AIM OF THE EXERCISE: Return every line of the records that includes the string "clay".

DATASET CONTENT:
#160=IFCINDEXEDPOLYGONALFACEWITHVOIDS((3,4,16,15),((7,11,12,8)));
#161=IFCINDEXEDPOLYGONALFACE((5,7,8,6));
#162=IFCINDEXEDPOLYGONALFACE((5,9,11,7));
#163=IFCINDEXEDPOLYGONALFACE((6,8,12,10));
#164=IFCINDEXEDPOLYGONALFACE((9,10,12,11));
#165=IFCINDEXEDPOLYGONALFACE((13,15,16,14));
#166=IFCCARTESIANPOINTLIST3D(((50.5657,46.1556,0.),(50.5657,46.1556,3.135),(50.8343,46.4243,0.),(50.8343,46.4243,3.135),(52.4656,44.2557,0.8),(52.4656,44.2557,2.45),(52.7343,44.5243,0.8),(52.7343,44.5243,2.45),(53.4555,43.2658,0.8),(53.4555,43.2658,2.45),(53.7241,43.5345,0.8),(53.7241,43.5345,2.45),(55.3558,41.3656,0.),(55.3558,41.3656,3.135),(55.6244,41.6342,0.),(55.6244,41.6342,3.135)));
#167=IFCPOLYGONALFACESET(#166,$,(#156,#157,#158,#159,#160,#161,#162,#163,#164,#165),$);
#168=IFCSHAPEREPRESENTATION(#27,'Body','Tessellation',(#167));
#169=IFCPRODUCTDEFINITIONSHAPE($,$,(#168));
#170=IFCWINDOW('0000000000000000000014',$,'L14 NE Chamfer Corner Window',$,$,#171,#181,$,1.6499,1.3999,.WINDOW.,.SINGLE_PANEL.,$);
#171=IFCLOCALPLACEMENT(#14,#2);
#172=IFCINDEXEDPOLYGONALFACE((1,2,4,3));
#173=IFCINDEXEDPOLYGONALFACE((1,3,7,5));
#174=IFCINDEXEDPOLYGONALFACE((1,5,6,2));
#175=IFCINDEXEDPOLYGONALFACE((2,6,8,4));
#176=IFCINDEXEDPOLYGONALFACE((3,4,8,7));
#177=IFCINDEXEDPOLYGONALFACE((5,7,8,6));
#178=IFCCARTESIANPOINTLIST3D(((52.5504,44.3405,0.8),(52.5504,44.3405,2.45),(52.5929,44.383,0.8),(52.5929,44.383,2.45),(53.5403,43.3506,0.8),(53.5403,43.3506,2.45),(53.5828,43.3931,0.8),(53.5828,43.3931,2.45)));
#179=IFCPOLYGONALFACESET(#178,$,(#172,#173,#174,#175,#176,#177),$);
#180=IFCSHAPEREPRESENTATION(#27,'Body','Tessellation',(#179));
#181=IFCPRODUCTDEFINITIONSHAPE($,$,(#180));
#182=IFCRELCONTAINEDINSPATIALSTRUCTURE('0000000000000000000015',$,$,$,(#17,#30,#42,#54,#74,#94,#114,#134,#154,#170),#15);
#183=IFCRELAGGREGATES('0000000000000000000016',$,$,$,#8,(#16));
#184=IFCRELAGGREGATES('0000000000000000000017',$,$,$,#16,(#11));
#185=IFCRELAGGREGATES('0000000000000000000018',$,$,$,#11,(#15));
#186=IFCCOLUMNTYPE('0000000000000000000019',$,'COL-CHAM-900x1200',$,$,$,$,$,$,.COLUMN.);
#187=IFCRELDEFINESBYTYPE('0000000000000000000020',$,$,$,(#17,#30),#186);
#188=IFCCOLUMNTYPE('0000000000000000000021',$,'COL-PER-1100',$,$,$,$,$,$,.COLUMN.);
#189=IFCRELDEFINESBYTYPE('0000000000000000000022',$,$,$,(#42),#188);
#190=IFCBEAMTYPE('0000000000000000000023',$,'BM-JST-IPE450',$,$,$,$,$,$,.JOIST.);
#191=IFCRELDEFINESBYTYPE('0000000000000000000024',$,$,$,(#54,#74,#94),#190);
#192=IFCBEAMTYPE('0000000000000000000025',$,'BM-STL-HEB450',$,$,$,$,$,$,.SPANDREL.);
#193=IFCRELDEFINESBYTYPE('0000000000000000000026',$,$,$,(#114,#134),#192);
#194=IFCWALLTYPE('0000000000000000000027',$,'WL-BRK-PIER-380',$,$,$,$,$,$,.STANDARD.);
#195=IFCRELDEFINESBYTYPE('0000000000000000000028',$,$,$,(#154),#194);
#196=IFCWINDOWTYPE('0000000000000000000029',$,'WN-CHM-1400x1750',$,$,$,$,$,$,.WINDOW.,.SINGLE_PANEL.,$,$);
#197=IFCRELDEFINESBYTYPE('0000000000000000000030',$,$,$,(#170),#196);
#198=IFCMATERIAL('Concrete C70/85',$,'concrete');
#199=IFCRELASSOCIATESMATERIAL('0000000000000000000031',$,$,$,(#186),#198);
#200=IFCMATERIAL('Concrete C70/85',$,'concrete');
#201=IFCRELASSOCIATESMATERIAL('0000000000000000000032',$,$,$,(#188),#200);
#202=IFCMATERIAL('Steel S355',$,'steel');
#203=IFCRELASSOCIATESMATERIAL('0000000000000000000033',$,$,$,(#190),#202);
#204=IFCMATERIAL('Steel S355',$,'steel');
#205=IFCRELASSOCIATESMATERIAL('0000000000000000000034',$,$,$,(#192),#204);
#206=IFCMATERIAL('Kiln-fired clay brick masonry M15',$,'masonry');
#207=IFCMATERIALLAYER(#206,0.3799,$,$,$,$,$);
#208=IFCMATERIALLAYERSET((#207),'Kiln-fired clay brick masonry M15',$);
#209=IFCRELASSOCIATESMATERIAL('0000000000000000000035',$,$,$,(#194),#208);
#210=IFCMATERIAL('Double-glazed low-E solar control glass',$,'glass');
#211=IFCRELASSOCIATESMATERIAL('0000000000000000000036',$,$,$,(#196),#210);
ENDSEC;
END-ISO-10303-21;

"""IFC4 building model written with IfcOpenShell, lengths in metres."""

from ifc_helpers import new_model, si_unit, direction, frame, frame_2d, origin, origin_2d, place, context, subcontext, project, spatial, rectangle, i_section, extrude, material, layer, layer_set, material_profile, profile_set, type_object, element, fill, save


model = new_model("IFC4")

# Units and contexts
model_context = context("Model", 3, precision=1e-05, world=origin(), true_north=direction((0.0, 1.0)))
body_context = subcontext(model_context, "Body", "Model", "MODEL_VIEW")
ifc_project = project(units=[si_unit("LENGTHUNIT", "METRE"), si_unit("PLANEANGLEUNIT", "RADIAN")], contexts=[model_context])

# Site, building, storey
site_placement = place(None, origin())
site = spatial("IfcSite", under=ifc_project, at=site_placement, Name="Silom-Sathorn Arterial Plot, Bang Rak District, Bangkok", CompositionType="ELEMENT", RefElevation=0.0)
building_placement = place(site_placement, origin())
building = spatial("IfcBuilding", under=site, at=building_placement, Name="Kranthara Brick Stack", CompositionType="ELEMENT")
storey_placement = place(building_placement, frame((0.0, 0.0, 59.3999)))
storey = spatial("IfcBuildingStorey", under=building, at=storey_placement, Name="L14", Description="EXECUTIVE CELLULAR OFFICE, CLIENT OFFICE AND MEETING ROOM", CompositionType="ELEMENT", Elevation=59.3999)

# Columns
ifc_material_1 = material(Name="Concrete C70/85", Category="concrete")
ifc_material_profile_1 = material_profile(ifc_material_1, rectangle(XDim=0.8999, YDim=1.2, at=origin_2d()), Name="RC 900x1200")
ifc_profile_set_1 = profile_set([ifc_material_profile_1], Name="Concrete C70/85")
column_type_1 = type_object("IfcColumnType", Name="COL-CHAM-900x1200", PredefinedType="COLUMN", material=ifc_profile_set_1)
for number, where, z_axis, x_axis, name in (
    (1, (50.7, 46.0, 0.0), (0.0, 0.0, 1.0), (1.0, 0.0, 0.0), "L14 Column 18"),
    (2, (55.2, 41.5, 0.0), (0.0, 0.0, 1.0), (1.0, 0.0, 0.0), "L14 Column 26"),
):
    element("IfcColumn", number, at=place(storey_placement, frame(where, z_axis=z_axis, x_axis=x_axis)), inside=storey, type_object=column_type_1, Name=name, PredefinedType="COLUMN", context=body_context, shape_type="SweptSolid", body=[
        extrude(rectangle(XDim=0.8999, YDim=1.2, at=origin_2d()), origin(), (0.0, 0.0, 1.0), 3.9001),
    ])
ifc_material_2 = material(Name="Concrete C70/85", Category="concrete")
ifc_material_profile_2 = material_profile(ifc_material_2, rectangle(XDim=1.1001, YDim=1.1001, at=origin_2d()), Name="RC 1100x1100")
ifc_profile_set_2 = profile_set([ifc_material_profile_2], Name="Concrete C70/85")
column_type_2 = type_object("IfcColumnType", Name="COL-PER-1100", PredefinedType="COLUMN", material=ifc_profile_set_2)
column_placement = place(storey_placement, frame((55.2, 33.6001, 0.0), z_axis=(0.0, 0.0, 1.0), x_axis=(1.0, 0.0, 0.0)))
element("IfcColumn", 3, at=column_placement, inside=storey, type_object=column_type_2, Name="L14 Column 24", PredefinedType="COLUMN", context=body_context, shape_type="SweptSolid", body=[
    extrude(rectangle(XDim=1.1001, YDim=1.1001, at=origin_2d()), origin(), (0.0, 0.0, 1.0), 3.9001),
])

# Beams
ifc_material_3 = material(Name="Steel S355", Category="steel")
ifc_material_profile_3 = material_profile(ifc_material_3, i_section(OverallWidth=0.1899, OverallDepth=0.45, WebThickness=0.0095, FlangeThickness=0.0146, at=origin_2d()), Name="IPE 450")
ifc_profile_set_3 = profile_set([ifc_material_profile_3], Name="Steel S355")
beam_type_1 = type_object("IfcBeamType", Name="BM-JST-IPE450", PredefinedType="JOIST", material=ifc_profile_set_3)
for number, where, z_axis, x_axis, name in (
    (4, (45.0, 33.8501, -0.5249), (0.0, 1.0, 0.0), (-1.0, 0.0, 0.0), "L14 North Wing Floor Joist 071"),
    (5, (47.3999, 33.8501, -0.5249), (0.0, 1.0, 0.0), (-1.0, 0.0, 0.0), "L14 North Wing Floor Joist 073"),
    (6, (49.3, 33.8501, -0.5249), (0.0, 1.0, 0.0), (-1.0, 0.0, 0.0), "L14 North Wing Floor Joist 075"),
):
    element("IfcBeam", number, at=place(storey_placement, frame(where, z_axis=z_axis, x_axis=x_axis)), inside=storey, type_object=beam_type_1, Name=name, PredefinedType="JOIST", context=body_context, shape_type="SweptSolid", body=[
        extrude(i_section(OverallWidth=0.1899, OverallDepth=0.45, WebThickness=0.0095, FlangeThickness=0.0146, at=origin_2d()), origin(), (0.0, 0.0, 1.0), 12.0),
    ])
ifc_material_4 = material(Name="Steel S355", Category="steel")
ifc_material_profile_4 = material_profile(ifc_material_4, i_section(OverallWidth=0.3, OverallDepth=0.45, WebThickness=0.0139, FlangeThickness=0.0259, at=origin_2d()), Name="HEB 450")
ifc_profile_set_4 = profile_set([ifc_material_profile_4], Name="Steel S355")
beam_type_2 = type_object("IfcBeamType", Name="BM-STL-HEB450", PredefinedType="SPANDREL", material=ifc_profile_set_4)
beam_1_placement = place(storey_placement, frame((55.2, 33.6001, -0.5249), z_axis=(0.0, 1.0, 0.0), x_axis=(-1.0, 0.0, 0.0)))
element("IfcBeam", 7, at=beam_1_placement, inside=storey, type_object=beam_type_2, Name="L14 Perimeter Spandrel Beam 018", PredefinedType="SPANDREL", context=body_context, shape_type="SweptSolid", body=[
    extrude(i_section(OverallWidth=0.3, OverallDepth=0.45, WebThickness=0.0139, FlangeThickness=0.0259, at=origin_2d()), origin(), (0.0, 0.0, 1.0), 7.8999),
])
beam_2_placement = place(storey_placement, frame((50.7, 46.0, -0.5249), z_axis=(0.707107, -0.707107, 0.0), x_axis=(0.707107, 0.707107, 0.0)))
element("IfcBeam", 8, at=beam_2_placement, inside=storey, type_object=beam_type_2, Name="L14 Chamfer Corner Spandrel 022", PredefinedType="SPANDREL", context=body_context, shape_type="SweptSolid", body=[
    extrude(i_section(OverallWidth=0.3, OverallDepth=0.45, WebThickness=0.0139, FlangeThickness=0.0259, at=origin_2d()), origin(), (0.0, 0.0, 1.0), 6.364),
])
---
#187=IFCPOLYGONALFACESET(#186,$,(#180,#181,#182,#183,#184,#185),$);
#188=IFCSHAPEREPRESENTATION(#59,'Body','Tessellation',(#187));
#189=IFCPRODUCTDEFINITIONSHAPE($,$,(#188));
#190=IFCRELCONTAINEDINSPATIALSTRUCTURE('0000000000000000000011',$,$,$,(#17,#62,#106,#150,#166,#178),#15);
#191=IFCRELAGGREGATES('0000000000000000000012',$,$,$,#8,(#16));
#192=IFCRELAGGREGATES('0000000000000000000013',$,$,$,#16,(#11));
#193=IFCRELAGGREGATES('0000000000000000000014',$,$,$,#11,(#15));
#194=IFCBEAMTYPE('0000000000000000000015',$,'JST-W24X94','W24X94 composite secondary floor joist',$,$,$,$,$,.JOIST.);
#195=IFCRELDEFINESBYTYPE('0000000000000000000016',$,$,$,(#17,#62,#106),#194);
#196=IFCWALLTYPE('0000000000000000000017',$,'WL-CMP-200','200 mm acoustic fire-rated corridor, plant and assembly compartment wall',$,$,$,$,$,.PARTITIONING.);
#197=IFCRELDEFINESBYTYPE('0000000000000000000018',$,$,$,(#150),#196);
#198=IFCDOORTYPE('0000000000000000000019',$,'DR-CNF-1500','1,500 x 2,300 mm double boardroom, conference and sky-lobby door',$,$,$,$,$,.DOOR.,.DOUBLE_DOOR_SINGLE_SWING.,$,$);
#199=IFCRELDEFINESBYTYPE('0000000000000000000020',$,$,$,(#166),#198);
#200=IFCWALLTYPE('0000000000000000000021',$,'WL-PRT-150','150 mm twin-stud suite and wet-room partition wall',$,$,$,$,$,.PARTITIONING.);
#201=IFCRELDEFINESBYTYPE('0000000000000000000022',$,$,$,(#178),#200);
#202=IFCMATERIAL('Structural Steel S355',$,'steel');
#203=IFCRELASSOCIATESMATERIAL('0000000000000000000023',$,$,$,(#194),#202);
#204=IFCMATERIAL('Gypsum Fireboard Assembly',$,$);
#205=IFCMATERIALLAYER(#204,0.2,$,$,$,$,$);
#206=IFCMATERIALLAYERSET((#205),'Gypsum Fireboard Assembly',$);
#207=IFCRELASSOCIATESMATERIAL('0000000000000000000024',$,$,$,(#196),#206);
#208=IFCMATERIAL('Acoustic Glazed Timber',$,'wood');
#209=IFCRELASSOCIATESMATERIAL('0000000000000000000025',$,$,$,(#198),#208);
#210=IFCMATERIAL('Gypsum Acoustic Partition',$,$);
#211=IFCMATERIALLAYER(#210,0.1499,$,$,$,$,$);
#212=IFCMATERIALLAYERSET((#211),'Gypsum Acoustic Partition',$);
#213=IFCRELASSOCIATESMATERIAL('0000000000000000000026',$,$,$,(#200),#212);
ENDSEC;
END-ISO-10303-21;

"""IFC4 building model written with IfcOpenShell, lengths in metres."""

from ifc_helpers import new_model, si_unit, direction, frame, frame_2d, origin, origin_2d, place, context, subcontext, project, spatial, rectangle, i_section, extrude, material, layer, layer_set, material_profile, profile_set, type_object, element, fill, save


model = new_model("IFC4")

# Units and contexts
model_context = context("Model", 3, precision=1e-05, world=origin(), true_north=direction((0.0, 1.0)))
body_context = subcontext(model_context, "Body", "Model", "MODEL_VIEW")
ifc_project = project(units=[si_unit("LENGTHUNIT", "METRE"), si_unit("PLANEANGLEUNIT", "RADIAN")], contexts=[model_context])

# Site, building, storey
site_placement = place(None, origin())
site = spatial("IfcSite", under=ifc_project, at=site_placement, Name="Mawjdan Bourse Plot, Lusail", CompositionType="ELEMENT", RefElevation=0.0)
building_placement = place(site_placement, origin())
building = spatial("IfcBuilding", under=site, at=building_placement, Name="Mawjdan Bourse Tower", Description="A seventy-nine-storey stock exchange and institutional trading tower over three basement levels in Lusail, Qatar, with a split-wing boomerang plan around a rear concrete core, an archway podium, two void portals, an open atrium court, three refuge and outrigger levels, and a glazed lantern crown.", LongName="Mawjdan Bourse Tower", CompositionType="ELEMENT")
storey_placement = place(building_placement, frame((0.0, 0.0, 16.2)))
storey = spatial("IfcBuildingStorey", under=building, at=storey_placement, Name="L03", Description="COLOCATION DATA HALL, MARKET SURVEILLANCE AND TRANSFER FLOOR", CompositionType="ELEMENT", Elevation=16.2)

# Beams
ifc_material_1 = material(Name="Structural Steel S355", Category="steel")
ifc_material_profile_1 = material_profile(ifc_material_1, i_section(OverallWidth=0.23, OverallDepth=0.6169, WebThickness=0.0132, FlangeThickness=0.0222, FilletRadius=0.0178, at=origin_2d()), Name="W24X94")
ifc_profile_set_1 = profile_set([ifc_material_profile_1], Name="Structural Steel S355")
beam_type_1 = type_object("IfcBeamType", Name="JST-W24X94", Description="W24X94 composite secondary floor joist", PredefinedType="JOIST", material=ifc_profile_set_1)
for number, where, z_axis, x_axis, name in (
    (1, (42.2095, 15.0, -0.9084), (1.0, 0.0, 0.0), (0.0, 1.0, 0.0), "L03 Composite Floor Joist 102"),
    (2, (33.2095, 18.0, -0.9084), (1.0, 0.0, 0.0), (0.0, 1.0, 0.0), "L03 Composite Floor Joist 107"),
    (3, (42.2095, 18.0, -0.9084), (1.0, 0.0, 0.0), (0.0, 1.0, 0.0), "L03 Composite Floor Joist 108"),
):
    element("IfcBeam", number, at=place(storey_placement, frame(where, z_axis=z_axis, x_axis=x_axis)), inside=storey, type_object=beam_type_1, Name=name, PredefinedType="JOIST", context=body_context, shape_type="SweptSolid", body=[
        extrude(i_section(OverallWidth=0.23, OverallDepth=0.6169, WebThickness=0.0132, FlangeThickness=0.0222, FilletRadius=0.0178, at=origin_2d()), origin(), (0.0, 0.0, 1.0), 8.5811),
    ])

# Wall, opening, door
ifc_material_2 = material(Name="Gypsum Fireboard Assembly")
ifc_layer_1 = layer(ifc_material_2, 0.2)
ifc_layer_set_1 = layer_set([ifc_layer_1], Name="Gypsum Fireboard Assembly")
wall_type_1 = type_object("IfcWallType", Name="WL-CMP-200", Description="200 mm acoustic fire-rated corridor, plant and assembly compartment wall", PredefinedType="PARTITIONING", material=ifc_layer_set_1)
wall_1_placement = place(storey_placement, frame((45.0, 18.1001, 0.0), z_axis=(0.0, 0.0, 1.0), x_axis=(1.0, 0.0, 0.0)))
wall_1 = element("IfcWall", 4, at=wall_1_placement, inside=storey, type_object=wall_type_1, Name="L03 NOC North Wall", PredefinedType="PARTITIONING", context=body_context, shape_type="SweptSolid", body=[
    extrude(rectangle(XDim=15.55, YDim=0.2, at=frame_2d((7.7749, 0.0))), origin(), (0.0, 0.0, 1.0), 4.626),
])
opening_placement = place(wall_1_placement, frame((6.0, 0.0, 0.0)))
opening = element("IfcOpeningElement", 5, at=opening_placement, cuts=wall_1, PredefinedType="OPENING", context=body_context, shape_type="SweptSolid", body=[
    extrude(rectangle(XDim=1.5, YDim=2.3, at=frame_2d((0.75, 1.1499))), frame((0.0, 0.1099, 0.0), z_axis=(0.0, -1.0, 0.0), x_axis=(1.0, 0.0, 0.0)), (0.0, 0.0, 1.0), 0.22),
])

SOLUTION FOR THIS PROBLEM:
#206=IFCMATERIAL('Kiln-fired clay brick masonry M15',$,'masonry');
#208=IFCMATERIALLAYERSET((#207),'Kiln-fired clay brick masonry M15',$);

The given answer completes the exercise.